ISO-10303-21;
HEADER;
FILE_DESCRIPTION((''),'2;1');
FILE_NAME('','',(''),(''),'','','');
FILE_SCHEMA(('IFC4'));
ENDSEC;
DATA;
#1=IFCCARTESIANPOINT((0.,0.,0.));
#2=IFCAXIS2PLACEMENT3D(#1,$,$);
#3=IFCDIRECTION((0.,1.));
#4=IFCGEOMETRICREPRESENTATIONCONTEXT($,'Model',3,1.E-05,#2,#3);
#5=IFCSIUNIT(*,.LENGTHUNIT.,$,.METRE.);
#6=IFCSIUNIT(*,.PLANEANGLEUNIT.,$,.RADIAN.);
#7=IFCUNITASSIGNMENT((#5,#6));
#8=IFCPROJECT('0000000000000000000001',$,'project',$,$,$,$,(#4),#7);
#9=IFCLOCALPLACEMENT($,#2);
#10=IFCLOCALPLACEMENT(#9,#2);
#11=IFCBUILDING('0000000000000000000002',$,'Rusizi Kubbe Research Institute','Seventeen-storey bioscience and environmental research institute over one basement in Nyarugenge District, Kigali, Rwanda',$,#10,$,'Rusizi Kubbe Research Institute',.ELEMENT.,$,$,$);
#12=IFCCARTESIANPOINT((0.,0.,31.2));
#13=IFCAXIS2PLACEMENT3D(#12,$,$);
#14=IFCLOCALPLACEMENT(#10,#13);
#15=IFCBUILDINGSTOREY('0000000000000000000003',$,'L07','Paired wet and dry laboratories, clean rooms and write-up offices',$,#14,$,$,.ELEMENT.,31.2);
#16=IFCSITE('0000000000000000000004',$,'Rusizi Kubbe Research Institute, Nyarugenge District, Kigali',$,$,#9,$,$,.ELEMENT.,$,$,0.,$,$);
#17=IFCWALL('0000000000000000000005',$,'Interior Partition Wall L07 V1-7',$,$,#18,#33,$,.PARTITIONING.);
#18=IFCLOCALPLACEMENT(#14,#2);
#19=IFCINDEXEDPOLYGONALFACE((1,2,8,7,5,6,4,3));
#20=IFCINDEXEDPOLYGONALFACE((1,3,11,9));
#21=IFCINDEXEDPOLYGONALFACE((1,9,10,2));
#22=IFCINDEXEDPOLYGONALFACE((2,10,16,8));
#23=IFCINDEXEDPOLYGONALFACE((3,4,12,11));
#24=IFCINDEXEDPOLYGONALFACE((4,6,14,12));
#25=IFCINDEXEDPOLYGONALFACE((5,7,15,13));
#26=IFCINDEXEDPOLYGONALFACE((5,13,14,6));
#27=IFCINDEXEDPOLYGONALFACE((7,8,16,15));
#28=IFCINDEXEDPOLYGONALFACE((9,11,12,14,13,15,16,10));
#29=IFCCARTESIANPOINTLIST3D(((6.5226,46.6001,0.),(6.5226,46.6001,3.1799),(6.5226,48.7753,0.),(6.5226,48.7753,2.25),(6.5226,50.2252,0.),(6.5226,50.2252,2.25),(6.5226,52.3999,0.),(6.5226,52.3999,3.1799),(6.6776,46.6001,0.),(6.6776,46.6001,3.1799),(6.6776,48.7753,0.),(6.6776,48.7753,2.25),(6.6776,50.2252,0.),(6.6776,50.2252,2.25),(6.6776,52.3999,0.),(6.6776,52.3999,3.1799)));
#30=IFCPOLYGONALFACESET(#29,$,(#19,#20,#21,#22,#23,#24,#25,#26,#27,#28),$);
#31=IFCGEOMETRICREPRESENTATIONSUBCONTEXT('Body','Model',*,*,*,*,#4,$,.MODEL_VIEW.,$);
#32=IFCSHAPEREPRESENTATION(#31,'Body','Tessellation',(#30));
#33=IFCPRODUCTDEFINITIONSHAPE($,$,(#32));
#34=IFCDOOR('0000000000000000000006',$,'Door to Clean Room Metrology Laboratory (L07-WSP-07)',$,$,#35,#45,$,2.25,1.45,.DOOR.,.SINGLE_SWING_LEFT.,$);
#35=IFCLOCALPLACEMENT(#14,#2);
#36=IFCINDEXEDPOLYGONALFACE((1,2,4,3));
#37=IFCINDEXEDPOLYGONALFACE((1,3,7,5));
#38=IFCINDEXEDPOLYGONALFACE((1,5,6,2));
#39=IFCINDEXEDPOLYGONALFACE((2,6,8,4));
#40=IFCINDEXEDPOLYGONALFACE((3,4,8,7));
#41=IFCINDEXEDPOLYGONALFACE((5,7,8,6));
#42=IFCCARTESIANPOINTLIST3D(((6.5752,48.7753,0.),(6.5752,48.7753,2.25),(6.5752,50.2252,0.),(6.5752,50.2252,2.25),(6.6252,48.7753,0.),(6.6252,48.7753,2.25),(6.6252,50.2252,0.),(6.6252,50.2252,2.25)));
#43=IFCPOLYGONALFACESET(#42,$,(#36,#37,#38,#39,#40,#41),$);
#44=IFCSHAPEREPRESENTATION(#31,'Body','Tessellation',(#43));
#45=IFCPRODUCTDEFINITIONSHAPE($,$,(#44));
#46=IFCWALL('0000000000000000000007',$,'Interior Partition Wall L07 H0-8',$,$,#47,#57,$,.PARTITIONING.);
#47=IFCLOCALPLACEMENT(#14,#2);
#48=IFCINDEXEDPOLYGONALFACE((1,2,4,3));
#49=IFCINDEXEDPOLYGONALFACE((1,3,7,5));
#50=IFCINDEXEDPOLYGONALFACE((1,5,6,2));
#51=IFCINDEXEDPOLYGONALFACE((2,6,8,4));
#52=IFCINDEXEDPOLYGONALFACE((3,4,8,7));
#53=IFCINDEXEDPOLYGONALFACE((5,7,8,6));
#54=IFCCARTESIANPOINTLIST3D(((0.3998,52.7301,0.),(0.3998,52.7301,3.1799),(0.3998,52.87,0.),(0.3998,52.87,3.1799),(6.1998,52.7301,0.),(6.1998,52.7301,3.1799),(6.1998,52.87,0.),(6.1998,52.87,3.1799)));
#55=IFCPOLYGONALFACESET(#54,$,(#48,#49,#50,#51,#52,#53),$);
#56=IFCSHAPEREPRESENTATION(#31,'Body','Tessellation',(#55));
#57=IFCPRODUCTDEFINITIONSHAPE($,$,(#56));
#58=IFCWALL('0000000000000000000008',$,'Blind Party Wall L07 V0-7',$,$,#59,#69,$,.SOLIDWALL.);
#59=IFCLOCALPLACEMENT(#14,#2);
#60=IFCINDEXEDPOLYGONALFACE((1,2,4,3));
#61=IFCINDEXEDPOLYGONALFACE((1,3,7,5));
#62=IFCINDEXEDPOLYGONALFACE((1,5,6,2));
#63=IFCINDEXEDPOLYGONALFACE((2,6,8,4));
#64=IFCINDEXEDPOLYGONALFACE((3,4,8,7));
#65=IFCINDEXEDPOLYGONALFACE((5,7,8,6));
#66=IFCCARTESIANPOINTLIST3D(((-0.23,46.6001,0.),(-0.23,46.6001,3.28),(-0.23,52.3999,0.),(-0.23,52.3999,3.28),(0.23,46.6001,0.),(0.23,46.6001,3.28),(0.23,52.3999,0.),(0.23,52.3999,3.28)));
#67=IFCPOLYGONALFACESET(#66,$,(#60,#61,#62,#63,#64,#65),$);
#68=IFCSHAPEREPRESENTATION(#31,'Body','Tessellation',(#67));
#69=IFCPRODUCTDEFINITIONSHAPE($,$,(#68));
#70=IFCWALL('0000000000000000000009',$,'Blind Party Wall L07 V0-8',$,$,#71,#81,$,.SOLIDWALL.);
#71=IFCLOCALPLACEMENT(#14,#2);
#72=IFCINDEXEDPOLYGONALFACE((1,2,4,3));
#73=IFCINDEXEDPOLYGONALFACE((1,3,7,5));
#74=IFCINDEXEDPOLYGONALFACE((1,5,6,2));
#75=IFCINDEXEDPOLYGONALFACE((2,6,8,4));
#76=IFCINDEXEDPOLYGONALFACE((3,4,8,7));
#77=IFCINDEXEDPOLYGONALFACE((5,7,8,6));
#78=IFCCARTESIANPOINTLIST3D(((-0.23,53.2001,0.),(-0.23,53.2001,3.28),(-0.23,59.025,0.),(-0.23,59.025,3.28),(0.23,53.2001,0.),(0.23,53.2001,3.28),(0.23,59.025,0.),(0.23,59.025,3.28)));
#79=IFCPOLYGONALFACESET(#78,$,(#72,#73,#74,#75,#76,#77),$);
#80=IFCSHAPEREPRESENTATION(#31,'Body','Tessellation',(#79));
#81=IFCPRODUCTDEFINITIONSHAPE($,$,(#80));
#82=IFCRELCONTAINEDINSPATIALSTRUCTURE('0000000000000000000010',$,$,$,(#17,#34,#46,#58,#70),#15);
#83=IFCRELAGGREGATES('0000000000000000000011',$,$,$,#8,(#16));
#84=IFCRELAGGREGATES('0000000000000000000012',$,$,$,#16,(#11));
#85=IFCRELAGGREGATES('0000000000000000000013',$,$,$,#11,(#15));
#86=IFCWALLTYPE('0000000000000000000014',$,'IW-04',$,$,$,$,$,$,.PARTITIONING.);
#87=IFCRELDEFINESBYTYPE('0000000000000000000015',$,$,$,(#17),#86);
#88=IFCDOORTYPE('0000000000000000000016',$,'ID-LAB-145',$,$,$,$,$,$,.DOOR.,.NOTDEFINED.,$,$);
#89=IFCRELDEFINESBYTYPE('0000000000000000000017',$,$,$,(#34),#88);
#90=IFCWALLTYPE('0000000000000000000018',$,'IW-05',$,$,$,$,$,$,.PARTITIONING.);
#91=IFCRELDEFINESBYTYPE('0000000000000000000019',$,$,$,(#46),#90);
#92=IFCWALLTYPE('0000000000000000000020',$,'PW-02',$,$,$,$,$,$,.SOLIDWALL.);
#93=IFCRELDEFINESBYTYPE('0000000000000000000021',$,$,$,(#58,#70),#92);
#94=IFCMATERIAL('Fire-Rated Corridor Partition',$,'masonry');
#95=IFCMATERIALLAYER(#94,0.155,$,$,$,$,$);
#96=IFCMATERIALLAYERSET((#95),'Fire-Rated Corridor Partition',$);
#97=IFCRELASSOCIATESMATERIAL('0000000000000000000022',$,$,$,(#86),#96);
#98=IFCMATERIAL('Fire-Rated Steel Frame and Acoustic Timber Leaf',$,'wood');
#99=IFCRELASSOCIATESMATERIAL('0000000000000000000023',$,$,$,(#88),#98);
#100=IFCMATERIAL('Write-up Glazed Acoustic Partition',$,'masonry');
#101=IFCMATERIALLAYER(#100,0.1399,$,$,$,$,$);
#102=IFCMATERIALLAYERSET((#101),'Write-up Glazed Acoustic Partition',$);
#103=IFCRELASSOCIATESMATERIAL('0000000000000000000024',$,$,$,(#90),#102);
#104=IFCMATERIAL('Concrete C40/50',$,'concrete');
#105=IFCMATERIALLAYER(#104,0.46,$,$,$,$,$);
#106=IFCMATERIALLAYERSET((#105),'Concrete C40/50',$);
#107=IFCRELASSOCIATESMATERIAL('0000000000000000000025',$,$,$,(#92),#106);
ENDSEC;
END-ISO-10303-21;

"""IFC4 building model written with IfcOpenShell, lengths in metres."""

from ifc_helpers import new_model, si_unit, direction, frame, frame_2d, origin, place, context, subcontext, project, spatial, rectangle, extrude, material, layer, layer_set, type_object, element, fill, save


model = new_model("IFC4")

# Units and contexts
model_context = context("Model", 3, precision=1e-05, world=origin(), true_north=direction((0.0, 1.0)))
body_context = subcontext(model_context, "Body", "Model", "MODEL_VIEW")
ifc_project = project(units=[si_unit("LENGTHUNIT", "METRE"), si_unit("PLANEANGLEUNIT", "RADIAN")], contexts=[model_context])

# Site, building, storey
site_placement = place(None, origin())
site = spatial("IfcSite", under=ifc_project, at=site_placement, Name="Rusizi Kubbe Research Institute, Nyarugenge District, Kigali", CompositionType="ELEMENT", RefElevation=0.0)
building_placement = place(site_placement, origin())
building = spatial("IfcBuilding", under=site, at=building_placement, Name="Rusizi Kubbe Research Institute", Description="Seventeen-storey bioscience and environmental research institute over one basement in Nyarugenge District, Kigali, Rwanda", LongName="Rusizi Kubbe Research Institute", CompositionType="ELEMENT")
storey_placement = place(building_placement, frame((0.0, 0.0, 31.2)))
storey = spatial("IfcBuildingStorey", under=building, at=storey_placement, Name="L07", Description="Paired wet and dry laboratories, clean rooms and write-up offices", CompositionType="ELEMENT", Elevation=31.2)

# Shared definitions
ifc_material_1 = material(Name="Fire-Rated Corridor Partition", Category="masonry")
ifc_layer_1 = layer(ifc_material_1, 0.155)
ifc_layer_set_1 = layer_set([ifc_layer_1], Name="Fire-Rated Corridor Partition")
wall_type_1 = type_object("IfcWallType", Name="IW-04", PredefinedType="PARTITIONING", material=ifc_layer_set_1)

# Wall, opening, door
wall_1_placement = place(storey_placement, frame((6.6001, 46.6001, 0.0), z_axis=(0.0, 0.0, 1.0), x_axis=(0.0, 1.0, 0.0)))
wall_1 = element("IfcWall", 1, at=wall_1_placement, inside=storey, type_object=wall_type_1, Name="Interior Partition Wall L07 V1-7", PredefinedType="PARTITIONING", context=body_context, shape_type="SweptSolid", body=[
    extrude(rectangle(XDim=5.7998, YDim=0.155, at=frame_2d((2.8999, 0.0))), origin(), (0.0, 0.0, 1.0), 3.1799),
])
opening_1_placement = place(wall_1_placement, frame((2.175, 0.0, 0.0)))
opening_1 = element("IfcOpeningElement", 2, at=opening_1_placement, cuts=wall_1, PredefinedType="OPENING", context=body_context, shape_type="SweptSolid", body=[
    extrude(rectangle(XDim=1.45, YDim=2.25, at=frame_2d((0.7251, 1.125))), frame((0.0, 0.0874, 0.0), z_axis=(0.0, -1.0, 0.0), x_axis=(1.0, 0.0, 0.0)), (0.0, 0.0, 1.0), 0.175),
])
ifc_material_2 = material(Name="Fire-Rated Steel Frame and Acoustic Timber Leaf", Category="wood")
door_type_1 = type_object("IfcDoorType", Name="ID-LAB-145", OperationType="NOTDEFINED", PredefinedType="DOOR", material=ifc_material_2)
door_1_placement = place(opening_1_placement, origin())
door_1 = element("IfcDoor", 3, at=door_1_placement, inside=storey, type_object=door_type_1, Name="Door to Clean Room Metrology Laboratory (L07-WSP-07)", OperationType="SINGLE_SWING_LEFT", OverallHeight=2.25, OverallWidth=1.45, PredefinedType="DOOR", context=body_context, shape_type="SweptSolid", body=[
    extrude(rectangle(XDim=1.45, YDim=2.25, at=frame_2d((0.7251, 1.125))), frame((0.0, 0.0249, 0.0), z_axis=(0.0, -1.0, 0.0), x_axis=(1.0, 0.0, 0.0)), (0.0, 0.0, 1.0), 0.05),
])
fill(opening_1, door_1)

# Walls
ifc_material_3 = material(Name="Write-up Glazed Acoustic Partition", Category="masonry")
ifc_layer_2 = layer(ifc_material_3, 0.1399)
ifc_layer_set_2 = layer_set([ifc_layer_2], Name="Write-up Glazed Acoustic Partition")
wall_type_2 = type_object("IfcWallType", Name="IW-05", PredefinedType="PARTITIONING", material=ifc_layer_set_2)
wall_2_placement = place(storey_placement, frame((0.3999, 52.8, 0.0), z_axis=(0.0, 0.0, 1.0), x_axis=(1.0, 0.0, 0.0)))
element("IfcWall", 4, at=wall_2_placement, inside=storey, type_object=wall_type_2, Name="Interior Partition Wall L07 H0-8", PredefinedType="PARTITIONING", context=body_context, shape_type="SweptSolid", body=[
    extrude(rectangle(XDim=5.8, YDim=0.1399, at=frame_2d((2.8999, 0.0))), origin(), (0.0, 0.0, 1.0), 3.1799),
])
ifc_material_4 = material(Name="Concrete C40/50", Category="concrete")
ifc_layer_3 = layer(ifc_material_4, 0.46)
ifc_layer_set_3 = layer_set([ifc_layer_3], Name="Concrete C40/50")
wall_type_3 = type_object("IfcWallType", Name="PW-02", PredefinedType="SOLIDWALL", material=ifc_layer_set_3)
wall_3_placement = place(storey_placement, frame((0.0, 46.6001, 0.0), z_axis=(0.0, 0.0, 1.0), x_axis=(0.0, 1.0, 0.0)))
element("IfcWall", 5, at=wall_3_placement, inside=storey, type_object=wall_type_3, Name="Blind Party Wall L07 V0-7", PredefinedType="SOLIDWALL", context=body_context, shape_type="SweptSolid", body=[
    extrude(rectangle(XDim=5.7998, YDim=0.46, at=frame_2d((2.8999, 0.0))), origin(), (0.0, 0.0, 1.0), 3.28),
])
wall_4_placement = place(storey_placement, frame((0.0, 53.2, 0.0), z_axis=(0.0, 0.0, 1.0), x_axis=(0.0, 1.0, 0.0)))
element("IfcWall", 6, at=wall_4_placement, inside=storey, type_object=wall_type_3, Name="Blind Party Wall L07 V0-8", PredefinedType="SOLIDWALL", context=body_context, shape_type="SweptSolid", body=[
    extrude(rectangle(XDim=5.825, YDim=0.46, at=frame_2d((2.9126, 0.0))), origin(), (0.0, 0.0, 1.0), 3.28),
])

save(model, "model.ifc")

#####

§ EXERCISE AIM:
In the listing above, find the line containing "#51=IFCINDEXEDPOLYGONALFACE((2,6,8,4));" and the line containing "#71=IFCLOCALPLACEMENT(#14,#2);", then repeat those two lines and everything between them exactly.

§ WRITTEN RESPONSE:
#51=IFCINDEXEDPOLYGONALFACE((2,6,8,4));
#52=IFCINDEXEDPOLYGONALFACE((3,4,8,7));
#53=IFCINDEXEDPOLYGONALFACE((5,7,8,6));
#54=IFCCARTESIANPOINTLIST3D(((0.3998,52.7301,0.),(0.3998,52.7301,3.1799),(0.3998,52.87,0.),(0.3998,52.87,3.1799),(6.1998,52.7301,0.),(6.1998,52.7301,3.1799),(6.1998,52.87,0.),(6.1998,52.87,3.1799)));
#55=IFCPOLYGONALFACESET(#54,$,(#48,#49,#50,#51,#52,#53),$);
#56=IFCSHAPEREPRESENTATION(#31,'Body','Tessellation',(#55));
#57=IFCPRODUCTDEFINITIONSHAPE($,$,(#56));
#58=IFCWALL('0000000000000000000008',$,'Blind Party Wall L07 V0-7',$,$,#59,#69,$,.SOLIDWALL.);
#59=IFCLOCALPLACEMENT(#14,#2);
#60=IFCINDEXEDPOLYGONALFACE((1,2,4,3));
#61=IFCINDEXEDPOLYGONALFACE((1,3,7,5));
#62=IFCINDEXEDPOLYGONALFACE((1,5,6,2));
#63=IFCINDEXEDPOLYGONALFACE((2,6,8,4));
#64=IFCINDEXEDPOLYGONALFACE((3,4,8,7));
#65=IFCINDEXEDPOLYGONALFACE((5,7,8,6));
#66=IFCCARTESIANPOINTLIST3D(((-0.23,46.6001,0.),(-0.23,46.6001,3.28),(-0.23,52.3999,0.),(-0.23,52.3999,3.28),(0.23,46.6001,0.),(0.23,46.6001,3.28),(0.23,52.3999,0.),(0.23,52.3999,3.28)));
#67=IFCPOLYGONALFACESET(#66,$,(#60,#61,#62,#63,#64,#65),$);
#68=IFCSHAPEREPRESENTATION(#31,'Body','Tessellation',(#67));
#69=IFCPRODUCTDEFINITIONSHAPE($,$,(#68));
#70=IFCWALL('0000000000000000000009',$,'Blind Party Wall L07 V0-8',$,$,#71,#81,$,.SOLIDWALL.);
#71=IFCLOCALPLACEMENT(#14,#2);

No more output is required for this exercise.